*** Opening MATERIALS PROVIDED ***

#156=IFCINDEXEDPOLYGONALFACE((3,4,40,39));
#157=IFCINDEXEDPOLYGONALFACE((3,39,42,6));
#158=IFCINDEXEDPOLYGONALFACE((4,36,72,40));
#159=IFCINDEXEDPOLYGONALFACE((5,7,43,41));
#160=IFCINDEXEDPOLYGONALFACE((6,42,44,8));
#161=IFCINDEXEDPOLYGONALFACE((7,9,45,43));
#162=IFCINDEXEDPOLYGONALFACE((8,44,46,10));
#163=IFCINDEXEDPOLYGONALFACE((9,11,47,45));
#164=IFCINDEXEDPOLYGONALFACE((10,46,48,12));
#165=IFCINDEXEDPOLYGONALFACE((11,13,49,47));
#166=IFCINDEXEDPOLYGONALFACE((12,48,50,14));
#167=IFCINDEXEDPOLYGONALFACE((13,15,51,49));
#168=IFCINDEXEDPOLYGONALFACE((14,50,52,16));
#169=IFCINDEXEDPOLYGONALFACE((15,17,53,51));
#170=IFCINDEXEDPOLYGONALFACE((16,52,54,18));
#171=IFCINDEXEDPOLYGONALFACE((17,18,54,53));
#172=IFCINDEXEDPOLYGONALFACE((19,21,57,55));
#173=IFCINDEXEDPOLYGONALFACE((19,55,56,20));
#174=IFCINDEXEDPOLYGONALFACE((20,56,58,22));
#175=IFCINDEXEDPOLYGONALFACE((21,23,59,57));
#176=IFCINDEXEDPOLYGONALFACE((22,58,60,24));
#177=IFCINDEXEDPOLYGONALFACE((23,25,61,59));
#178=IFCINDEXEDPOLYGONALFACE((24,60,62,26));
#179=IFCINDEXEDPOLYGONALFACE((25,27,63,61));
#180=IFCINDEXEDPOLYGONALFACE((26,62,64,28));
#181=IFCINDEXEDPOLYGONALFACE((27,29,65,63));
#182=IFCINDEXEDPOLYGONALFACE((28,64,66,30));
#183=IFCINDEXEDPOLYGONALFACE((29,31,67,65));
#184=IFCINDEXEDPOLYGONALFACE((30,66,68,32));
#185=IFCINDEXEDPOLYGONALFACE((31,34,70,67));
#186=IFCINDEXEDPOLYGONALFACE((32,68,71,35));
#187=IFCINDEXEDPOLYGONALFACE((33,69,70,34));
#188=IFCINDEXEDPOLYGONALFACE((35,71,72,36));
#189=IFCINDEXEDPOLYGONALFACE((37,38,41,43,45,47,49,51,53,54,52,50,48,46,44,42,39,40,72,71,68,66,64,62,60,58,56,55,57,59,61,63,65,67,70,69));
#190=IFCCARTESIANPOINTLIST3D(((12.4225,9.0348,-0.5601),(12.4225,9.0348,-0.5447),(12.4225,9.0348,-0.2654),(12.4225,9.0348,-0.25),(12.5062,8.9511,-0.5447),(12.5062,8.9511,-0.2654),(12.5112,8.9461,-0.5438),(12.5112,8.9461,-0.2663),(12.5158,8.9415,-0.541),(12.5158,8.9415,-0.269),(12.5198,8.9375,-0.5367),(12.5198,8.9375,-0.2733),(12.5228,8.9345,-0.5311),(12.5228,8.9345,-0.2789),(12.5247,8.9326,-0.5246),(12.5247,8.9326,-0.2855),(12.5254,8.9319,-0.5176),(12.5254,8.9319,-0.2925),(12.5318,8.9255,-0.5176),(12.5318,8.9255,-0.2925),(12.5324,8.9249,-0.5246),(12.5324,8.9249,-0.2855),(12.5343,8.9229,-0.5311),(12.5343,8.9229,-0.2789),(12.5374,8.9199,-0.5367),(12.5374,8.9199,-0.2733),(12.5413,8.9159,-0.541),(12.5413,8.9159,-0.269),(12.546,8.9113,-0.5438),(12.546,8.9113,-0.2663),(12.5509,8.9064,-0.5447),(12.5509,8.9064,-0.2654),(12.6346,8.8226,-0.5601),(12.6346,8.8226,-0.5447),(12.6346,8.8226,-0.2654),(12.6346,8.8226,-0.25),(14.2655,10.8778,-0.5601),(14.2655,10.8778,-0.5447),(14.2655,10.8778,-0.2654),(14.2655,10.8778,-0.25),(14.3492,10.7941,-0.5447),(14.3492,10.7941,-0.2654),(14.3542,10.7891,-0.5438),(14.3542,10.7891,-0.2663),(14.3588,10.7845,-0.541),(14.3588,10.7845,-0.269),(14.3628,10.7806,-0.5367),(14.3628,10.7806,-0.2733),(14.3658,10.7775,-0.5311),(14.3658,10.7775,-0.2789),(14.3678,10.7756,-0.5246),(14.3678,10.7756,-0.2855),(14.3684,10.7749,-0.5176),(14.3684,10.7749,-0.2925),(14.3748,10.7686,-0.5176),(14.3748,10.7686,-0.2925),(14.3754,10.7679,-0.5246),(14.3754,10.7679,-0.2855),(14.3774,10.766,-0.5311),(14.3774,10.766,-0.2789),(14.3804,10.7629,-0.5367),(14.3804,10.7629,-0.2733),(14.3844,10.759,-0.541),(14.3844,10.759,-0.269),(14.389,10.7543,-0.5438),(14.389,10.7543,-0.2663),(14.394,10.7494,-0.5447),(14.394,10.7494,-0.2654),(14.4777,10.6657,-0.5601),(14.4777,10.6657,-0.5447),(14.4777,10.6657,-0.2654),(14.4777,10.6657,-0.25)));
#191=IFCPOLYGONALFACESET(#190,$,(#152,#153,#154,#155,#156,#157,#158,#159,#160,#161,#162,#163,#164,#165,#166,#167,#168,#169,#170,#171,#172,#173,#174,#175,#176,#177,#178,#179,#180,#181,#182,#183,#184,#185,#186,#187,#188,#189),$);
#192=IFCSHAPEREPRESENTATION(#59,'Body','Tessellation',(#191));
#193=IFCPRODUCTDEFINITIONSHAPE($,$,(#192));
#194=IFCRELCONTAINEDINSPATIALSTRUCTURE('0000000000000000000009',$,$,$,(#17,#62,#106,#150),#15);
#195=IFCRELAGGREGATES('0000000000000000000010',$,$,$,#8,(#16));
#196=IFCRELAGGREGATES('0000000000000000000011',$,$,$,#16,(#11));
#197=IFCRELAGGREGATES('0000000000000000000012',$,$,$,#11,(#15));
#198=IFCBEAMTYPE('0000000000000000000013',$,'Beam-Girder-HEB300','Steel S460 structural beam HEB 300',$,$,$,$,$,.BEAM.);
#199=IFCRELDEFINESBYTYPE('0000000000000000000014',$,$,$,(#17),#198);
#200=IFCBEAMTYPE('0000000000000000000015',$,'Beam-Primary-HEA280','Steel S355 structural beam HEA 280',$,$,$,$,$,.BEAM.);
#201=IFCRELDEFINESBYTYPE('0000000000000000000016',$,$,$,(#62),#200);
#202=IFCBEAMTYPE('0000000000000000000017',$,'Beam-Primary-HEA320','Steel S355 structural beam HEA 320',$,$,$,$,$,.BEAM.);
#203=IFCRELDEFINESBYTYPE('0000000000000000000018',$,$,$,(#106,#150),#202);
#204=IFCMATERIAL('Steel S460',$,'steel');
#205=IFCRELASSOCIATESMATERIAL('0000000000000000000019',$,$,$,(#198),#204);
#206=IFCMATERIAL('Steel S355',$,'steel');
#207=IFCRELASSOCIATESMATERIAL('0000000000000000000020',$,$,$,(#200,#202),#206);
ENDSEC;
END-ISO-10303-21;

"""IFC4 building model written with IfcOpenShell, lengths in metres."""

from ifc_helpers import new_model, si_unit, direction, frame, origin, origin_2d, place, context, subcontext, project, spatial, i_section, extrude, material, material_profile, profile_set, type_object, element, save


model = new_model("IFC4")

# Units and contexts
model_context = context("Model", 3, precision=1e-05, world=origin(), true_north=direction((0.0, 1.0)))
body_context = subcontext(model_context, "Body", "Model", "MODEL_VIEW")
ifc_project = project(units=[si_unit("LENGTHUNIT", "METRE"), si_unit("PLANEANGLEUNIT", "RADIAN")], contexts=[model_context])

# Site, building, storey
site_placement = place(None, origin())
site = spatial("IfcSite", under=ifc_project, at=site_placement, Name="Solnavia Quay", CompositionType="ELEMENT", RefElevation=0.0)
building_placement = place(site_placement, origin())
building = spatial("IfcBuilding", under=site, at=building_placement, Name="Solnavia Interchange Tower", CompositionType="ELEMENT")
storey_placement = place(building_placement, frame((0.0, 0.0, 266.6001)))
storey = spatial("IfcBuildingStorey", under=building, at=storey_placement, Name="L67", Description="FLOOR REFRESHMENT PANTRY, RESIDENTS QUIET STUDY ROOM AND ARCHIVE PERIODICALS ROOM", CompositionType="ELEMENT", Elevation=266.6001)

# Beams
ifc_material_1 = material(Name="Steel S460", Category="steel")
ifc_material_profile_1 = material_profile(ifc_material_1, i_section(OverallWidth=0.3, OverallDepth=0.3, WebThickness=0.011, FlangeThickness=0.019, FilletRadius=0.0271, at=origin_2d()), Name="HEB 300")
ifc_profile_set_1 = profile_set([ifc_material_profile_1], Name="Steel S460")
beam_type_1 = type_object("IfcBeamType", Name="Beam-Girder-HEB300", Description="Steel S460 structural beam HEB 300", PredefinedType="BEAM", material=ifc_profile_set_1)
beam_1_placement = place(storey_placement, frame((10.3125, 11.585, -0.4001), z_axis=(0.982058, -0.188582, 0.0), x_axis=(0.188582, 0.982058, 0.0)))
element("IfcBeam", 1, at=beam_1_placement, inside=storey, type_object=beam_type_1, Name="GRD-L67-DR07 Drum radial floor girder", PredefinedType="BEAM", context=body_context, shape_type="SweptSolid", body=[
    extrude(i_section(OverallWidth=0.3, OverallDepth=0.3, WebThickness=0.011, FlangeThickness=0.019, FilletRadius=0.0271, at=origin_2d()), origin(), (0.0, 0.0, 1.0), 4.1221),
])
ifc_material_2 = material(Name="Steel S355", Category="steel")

*** Closing MATERIALS PROVIDED ***

** INSTRUCTIONS TO FOLLOW **
Begin at the first line of the records above and quote every line verbatim through the one that contains "#171=IFCINDEXEDPOLYGONALFACE((17,18,54,53));".

** PROBLEM SOLUTION **
#156=IFCINDEXEDPOLYGONALFACE((3,4,40,39));
#157=IFCINDEXEDPOLYGONALFACE((3,39,42,6));
#158=IFCINDEXEDPOLYGONALFACE((4,36,72,40));
#159=IFCINDEXEDPOLYGONALFACE((5,7,43,41));
#160=IFCINDEXEDPOLYGONALFACE((6,42,44,8));
#161=IFCINDEXEDPOLYGONALFACE((7,9,45,43));
#162=IFCINDEXEDPOLYGONALFACE((8,44,46,10));
#163=IFCINDEXEDPOLYGONALFACE((9,11,47,45));
#164=IFCINDEXEDPOLYGONALFACE((10,46,48,12));
#165=IFCINDEXEDPOLYGONALFACE((11,13,49,47));
#166=IFCINDEXEDPOLYGONALFACE((12,48,50,14));
#167=IFCINDEXEDPOLYGONALFACE((13,15,51,49));
#168=IFCINDEXEDPOLYGONALFACE((14,50,52,16));
#169=IFCINDEXEDPOLYGONALFACE((15,17,53,51));
#170=IFCINDEXEDPOLYGONALFACE((16,52,54,18));
#171=IFCINDEXEDPOLYGONALFACE((17,18,54,53));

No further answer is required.